Dataset entries
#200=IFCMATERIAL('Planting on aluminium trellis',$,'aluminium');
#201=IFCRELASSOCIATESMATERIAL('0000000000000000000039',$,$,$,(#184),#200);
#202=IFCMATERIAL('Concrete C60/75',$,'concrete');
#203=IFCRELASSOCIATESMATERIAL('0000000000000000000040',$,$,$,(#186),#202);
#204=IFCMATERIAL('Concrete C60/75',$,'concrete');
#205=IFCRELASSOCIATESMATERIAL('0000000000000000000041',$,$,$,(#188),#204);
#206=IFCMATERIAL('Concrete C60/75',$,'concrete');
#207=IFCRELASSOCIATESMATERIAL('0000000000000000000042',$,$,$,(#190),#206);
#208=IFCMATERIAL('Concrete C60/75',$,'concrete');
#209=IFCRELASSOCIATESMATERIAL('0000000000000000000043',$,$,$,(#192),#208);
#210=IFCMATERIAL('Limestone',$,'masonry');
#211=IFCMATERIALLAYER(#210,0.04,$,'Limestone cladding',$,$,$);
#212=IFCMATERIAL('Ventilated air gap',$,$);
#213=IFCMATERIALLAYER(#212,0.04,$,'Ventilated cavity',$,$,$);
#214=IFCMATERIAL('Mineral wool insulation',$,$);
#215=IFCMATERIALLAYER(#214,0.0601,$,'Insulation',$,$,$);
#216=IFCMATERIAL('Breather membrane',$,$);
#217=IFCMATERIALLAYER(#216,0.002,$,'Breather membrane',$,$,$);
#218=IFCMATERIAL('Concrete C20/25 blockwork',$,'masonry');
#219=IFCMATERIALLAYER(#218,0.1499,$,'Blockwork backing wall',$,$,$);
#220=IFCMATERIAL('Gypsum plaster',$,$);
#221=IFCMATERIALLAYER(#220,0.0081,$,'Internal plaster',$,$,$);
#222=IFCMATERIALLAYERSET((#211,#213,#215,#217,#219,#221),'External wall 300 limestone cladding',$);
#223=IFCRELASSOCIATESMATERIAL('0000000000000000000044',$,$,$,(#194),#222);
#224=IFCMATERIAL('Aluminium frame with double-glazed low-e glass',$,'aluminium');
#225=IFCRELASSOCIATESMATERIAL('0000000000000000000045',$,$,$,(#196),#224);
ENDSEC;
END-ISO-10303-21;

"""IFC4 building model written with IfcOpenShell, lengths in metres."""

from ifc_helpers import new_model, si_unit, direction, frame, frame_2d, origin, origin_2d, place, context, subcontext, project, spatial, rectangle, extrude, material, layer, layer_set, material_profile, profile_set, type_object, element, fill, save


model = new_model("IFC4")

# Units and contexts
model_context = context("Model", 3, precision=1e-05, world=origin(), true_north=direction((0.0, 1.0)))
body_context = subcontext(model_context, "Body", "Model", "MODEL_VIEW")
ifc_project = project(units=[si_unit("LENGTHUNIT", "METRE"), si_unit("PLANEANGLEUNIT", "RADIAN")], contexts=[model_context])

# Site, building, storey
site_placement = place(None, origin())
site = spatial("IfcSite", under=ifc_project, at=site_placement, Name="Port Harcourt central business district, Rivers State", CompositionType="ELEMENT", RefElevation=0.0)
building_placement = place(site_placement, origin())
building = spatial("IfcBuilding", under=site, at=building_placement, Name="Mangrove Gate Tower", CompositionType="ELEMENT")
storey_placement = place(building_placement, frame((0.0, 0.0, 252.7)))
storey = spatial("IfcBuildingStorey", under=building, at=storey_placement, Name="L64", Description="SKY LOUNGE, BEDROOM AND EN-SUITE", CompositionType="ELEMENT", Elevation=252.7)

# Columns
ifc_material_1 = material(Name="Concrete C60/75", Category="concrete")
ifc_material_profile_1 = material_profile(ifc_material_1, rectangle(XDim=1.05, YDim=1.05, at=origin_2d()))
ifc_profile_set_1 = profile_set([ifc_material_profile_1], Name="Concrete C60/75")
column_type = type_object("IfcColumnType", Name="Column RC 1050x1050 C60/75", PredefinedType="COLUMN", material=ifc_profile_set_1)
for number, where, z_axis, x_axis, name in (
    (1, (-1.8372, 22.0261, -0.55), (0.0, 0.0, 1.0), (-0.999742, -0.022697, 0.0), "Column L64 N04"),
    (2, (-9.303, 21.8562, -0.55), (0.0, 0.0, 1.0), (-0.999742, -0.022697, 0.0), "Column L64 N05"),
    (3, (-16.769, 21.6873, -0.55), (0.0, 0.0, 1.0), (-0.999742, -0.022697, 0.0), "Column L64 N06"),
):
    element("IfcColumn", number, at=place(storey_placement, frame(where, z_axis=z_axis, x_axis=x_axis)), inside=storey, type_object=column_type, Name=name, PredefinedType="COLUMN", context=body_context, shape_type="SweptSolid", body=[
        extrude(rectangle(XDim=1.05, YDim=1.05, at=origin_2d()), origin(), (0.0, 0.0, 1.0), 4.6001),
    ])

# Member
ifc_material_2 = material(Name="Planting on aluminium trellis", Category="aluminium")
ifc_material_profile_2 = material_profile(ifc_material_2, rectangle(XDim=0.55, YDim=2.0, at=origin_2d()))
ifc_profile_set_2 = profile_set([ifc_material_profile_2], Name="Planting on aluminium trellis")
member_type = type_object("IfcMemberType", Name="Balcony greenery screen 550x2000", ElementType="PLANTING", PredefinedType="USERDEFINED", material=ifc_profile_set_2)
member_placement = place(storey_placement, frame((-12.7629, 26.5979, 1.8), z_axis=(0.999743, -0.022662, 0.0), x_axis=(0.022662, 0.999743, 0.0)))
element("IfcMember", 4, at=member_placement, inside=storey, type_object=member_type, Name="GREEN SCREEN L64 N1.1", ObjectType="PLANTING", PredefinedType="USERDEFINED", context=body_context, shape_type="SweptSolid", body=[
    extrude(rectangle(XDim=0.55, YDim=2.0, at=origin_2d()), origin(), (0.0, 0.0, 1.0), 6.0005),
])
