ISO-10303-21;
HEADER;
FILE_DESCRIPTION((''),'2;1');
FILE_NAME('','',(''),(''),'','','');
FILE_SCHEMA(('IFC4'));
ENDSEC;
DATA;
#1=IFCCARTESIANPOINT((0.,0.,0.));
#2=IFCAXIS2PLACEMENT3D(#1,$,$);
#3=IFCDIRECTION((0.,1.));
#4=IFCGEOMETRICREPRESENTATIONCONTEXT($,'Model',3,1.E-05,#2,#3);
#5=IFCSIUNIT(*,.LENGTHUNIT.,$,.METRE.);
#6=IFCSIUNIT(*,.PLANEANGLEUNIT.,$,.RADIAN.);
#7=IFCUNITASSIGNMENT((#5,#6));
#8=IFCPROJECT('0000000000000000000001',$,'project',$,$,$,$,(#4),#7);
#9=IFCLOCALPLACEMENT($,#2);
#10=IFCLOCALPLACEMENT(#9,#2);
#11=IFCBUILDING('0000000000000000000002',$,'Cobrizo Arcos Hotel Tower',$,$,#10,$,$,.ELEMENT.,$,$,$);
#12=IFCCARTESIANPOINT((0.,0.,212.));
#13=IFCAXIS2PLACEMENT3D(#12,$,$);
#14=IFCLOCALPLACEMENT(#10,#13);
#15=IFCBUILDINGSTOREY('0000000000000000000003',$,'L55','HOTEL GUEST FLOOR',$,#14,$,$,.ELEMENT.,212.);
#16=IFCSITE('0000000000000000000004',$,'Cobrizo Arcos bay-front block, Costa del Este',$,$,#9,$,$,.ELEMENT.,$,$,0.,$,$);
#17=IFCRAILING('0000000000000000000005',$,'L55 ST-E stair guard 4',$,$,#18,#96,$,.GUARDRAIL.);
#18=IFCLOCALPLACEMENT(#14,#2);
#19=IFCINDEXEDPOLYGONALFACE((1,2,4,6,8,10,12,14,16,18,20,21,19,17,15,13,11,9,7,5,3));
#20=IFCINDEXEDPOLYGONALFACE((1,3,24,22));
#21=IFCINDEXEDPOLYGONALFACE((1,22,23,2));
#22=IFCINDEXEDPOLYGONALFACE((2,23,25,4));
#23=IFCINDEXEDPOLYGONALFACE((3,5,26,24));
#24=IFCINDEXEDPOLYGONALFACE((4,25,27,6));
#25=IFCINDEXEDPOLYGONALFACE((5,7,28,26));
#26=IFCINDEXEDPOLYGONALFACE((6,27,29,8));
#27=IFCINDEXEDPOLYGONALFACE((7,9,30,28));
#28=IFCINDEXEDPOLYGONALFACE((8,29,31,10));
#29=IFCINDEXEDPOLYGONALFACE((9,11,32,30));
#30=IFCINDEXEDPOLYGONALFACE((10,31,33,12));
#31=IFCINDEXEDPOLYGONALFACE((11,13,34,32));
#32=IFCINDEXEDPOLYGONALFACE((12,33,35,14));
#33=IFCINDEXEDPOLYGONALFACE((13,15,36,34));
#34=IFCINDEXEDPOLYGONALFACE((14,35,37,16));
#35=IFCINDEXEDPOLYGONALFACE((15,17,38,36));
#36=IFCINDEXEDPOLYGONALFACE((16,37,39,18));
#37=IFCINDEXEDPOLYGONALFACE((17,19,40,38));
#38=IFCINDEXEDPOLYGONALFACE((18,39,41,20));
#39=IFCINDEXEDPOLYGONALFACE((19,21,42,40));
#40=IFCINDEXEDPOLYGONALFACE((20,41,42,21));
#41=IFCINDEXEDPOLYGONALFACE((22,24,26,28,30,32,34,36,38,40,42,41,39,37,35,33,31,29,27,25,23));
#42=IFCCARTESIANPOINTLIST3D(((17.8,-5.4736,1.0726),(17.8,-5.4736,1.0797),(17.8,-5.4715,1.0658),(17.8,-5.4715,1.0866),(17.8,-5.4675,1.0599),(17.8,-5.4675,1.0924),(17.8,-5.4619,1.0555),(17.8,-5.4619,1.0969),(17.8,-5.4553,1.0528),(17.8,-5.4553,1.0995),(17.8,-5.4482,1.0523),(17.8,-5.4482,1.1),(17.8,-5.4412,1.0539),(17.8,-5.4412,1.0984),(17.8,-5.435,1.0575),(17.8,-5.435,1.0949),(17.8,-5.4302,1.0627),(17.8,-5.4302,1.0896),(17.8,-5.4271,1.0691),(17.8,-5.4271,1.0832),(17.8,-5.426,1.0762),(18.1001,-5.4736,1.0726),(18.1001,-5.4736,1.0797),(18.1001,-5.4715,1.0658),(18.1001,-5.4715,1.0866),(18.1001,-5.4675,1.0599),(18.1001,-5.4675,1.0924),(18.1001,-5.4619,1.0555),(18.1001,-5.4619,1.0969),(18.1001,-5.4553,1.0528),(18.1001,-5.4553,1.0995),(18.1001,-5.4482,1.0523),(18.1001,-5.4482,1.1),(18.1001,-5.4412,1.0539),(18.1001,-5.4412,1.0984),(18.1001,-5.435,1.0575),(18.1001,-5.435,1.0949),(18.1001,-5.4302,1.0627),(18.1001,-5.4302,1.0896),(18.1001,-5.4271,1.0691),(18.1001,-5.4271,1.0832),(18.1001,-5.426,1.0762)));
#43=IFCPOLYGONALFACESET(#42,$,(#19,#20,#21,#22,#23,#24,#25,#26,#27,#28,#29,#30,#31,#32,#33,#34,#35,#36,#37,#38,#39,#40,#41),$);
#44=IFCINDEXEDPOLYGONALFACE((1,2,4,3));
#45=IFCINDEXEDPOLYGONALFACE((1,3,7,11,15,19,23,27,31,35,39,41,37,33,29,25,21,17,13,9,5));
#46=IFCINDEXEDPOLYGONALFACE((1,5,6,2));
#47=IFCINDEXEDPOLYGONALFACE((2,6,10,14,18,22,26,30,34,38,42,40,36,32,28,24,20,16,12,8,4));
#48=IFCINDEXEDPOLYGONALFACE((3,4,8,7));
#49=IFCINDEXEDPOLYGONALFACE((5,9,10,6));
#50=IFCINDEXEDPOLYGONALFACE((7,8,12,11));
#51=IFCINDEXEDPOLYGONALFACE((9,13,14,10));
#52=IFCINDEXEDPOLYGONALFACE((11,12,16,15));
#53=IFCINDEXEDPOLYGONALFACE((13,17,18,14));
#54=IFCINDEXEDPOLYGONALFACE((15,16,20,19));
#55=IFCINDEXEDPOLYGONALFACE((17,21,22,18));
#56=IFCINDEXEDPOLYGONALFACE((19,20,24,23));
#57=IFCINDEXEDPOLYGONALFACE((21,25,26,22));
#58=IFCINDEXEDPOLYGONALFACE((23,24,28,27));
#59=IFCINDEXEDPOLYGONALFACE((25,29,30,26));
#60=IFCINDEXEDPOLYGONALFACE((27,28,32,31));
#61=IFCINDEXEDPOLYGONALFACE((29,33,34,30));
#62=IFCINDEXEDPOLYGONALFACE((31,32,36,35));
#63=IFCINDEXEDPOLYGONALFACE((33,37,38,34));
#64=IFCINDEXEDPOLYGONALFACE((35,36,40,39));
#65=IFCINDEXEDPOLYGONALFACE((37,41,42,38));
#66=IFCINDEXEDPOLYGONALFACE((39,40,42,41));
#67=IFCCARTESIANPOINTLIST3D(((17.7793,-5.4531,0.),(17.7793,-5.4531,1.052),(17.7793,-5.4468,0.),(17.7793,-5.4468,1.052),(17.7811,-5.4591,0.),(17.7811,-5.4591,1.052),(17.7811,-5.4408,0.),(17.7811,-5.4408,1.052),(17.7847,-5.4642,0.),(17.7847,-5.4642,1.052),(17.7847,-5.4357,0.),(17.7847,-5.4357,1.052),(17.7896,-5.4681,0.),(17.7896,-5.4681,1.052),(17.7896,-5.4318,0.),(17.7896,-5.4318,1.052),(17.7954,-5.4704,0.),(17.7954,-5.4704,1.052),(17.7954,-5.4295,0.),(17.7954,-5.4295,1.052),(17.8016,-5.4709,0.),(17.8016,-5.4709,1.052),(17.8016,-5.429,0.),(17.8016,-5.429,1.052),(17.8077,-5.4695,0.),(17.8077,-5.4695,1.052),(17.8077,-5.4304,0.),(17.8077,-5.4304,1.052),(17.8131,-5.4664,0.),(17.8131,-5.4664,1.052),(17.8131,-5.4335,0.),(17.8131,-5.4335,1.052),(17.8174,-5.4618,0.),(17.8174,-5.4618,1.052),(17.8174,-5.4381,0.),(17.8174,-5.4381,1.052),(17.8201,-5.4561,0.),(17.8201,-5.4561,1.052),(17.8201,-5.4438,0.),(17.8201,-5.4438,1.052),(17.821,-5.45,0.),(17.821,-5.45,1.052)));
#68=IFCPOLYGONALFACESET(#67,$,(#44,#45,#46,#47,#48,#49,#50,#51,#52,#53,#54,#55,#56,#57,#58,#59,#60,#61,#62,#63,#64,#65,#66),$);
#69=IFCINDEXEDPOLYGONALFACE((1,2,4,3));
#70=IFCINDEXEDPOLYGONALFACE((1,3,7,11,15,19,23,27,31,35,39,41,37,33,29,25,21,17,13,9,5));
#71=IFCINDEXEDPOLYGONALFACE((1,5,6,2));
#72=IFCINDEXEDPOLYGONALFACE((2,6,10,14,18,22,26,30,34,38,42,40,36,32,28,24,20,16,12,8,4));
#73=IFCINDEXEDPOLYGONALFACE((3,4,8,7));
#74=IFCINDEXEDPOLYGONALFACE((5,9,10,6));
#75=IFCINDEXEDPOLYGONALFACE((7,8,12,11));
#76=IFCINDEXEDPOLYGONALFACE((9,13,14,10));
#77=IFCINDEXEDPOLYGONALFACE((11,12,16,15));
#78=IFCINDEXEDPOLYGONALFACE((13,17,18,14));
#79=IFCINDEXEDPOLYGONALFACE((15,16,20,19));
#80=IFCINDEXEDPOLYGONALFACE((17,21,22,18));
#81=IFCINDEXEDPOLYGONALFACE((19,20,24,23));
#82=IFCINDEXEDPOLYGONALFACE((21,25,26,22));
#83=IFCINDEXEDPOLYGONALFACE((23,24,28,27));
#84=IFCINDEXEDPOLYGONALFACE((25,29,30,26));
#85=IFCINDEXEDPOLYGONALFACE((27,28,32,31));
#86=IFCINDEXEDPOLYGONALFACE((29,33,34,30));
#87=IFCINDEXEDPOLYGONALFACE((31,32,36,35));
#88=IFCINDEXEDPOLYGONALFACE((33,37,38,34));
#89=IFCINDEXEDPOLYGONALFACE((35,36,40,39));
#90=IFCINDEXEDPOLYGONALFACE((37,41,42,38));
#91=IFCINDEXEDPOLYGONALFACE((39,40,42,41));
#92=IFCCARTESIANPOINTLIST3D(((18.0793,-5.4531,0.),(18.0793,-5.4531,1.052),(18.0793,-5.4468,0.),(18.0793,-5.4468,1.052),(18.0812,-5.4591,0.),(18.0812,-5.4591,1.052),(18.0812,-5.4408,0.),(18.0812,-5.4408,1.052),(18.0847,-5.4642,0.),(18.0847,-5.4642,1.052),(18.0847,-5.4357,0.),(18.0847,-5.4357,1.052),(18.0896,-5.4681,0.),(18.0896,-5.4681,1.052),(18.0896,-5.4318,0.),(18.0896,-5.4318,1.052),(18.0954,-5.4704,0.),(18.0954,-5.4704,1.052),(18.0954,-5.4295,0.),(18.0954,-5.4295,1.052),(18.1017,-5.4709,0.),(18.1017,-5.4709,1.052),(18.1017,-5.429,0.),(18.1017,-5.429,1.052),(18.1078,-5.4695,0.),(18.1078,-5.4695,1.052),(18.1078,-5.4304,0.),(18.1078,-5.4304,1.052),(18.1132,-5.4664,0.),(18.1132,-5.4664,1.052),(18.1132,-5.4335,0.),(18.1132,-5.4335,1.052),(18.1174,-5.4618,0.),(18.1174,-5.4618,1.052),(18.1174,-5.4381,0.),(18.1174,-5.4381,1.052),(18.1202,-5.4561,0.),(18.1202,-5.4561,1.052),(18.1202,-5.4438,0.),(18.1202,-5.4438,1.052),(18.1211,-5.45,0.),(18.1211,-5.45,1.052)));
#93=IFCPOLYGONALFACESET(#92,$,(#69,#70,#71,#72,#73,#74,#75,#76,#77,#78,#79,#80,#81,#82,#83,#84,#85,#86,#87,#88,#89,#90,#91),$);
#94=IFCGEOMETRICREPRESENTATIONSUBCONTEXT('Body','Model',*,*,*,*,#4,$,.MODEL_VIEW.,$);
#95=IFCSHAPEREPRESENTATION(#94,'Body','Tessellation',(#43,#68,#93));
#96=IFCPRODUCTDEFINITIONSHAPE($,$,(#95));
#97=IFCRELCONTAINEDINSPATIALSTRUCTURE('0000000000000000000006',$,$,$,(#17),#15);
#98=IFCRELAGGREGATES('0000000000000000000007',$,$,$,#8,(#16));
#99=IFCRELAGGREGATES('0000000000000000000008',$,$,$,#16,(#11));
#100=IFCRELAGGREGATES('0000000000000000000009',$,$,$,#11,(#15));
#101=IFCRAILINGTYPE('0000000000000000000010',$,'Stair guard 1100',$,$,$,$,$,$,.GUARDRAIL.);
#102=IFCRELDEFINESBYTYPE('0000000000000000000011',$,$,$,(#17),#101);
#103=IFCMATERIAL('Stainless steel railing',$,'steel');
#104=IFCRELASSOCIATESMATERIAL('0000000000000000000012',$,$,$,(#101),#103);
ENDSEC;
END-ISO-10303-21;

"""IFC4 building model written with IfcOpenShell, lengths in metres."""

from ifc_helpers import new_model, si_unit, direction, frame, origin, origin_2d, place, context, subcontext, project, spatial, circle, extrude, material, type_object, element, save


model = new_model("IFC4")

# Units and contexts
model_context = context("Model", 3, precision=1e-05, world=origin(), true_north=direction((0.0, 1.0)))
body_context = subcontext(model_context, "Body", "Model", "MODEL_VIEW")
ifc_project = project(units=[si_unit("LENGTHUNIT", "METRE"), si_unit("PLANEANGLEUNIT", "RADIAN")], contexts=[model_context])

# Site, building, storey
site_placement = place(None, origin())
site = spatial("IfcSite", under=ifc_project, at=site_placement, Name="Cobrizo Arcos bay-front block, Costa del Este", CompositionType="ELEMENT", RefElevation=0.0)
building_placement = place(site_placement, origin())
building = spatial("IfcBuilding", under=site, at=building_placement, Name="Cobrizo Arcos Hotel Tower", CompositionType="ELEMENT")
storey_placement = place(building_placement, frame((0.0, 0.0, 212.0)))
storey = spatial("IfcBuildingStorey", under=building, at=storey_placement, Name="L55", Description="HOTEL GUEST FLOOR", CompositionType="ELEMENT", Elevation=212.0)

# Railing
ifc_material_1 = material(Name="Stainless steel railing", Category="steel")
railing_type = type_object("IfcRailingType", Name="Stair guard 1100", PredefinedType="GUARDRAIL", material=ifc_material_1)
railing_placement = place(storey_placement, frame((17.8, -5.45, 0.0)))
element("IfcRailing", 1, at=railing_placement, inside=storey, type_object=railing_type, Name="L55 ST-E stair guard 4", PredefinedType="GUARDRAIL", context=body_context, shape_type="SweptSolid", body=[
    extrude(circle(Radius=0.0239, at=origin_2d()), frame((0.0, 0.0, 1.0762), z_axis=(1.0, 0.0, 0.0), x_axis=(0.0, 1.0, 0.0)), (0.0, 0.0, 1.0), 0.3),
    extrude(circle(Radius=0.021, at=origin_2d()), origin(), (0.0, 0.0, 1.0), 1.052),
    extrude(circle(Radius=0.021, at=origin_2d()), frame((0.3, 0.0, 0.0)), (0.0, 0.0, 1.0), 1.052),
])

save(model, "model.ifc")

◆ EXERCISE BRIEF:
Up to and including the line with "#210=IFCMATERIAL('Limestone',$,'masonry');", repeat the data exactly, starting from its first line; nothing else belongs in the response.

◆ EXERCISE RESULT:
#200=IFCMATERIAL('Planting on aluminium trellis',$,'aluminium');
#201=IFCRELASSOCIATESMATERIAL('0000000000000000000039',$,$,$,(#184),#200);
#202=IFCMATERIAL('Concrete C60/75',$,'concrete');
#203=IFCRELASSOCIATESMATERIAL('0000000000000000000040',$,$,$,(#186),#202);
#204=IFCMATERIAL('Concrete C60/75',$,'concrete');
#205=IFCRELASSOCIATESMATERIAL('0000000000000000000041',$,$,$,(#188),#204);
#206=IFCMATERIAL('Concrete C60/75',$,'concrete');
#207=IFCRELASSOCIATESMATERIAL('0000000000000000000042',$,$,$,(#190),#206);
#208=IFCMATERIAL('Concrete C60/75',$,'concrete');
#209=IFCRELASSOCIATESMATERIAL('0000000000000000000043',$,$,$,(#192),#208);
#210=IFCMATERIAL('Limestone',$,'masonry');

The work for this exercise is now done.